▶ [What to work on]
Collect every line of the records below that contains the word "ELEMENT".

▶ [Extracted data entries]
# # # #

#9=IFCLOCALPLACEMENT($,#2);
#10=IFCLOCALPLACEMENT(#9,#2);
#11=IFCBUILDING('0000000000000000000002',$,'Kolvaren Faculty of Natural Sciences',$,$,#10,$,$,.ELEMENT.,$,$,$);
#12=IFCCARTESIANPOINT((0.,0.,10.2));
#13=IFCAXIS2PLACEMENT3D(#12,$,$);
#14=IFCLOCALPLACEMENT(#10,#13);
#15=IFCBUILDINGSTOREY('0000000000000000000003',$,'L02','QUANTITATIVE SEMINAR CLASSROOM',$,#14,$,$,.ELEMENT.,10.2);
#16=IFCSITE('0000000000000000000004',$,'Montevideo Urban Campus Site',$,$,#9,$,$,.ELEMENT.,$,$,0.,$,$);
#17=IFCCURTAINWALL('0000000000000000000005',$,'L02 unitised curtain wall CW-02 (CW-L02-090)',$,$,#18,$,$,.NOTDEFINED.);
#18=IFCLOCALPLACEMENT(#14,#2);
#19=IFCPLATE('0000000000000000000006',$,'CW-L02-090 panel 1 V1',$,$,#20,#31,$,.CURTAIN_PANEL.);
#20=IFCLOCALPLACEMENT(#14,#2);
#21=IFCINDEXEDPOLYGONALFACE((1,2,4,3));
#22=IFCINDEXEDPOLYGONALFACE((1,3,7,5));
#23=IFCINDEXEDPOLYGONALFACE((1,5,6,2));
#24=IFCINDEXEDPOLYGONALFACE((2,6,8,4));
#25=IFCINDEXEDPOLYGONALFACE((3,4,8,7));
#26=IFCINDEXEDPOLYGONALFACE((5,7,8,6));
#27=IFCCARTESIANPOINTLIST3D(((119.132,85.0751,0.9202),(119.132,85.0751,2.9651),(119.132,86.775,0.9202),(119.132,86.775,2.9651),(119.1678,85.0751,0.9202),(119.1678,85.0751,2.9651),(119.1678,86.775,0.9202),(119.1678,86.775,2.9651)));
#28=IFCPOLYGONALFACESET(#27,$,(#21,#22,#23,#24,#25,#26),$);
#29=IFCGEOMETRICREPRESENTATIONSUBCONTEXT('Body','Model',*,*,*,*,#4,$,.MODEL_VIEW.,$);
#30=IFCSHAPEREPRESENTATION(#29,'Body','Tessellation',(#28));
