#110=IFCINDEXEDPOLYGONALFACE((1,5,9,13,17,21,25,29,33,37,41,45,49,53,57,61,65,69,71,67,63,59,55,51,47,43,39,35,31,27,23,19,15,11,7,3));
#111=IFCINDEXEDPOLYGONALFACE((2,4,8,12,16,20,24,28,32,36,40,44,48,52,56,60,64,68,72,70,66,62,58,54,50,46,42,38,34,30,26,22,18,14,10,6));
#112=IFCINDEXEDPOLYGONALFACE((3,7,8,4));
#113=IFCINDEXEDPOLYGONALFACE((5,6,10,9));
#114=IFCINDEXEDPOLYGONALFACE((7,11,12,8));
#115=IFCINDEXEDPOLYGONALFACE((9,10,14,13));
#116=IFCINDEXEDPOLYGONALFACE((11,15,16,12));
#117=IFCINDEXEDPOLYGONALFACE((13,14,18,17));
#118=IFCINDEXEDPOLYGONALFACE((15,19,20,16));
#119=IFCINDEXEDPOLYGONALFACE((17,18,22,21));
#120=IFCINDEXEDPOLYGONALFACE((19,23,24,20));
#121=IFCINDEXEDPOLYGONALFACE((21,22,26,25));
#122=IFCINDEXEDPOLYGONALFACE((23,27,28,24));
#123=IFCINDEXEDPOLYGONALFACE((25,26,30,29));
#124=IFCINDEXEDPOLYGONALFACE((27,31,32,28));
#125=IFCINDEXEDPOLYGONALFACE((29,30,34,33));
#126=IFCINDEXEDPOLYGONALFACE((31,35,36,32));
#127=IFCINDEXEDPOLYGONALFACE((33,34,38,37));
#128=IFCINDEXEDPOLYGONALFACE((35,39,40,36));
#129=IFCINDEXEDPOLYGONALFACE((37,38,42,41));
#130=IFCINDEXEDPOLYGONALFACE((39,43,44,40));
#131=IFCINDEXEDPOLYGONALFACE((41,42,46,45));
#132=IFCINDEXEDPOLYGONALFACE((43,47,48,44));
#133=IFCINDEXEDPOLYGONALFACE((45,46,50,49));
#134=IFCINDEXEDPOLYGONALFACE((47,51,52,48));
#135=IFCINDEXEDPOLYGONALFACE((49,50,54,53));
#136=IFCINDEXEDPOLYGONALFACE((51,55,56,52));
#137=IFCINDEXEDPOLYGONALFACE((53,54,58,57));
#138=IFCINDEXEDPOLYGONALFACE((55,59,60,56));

# # # #

▶ [Written answer]
#11=IFCBUILDING('0000000000000000000002',$,'Kolvaren Faculty of Natural Sciences',$,$,#10,$,$,.ELEMENT.,$,$,$);
#15=IFCBUILDINGSTOREY('0000000000000000000003',$,'L02','QUANTITATIVE SEMINAR CLASSROOM',$,#14,$,$,.ELEMENT.,10.2);
#16=IFCSITE('0000000000000000000004',$,'Montevideo Urban Campus Site',$,$,#9,$,$,.ELEMENT.,$,$,0.,$,$);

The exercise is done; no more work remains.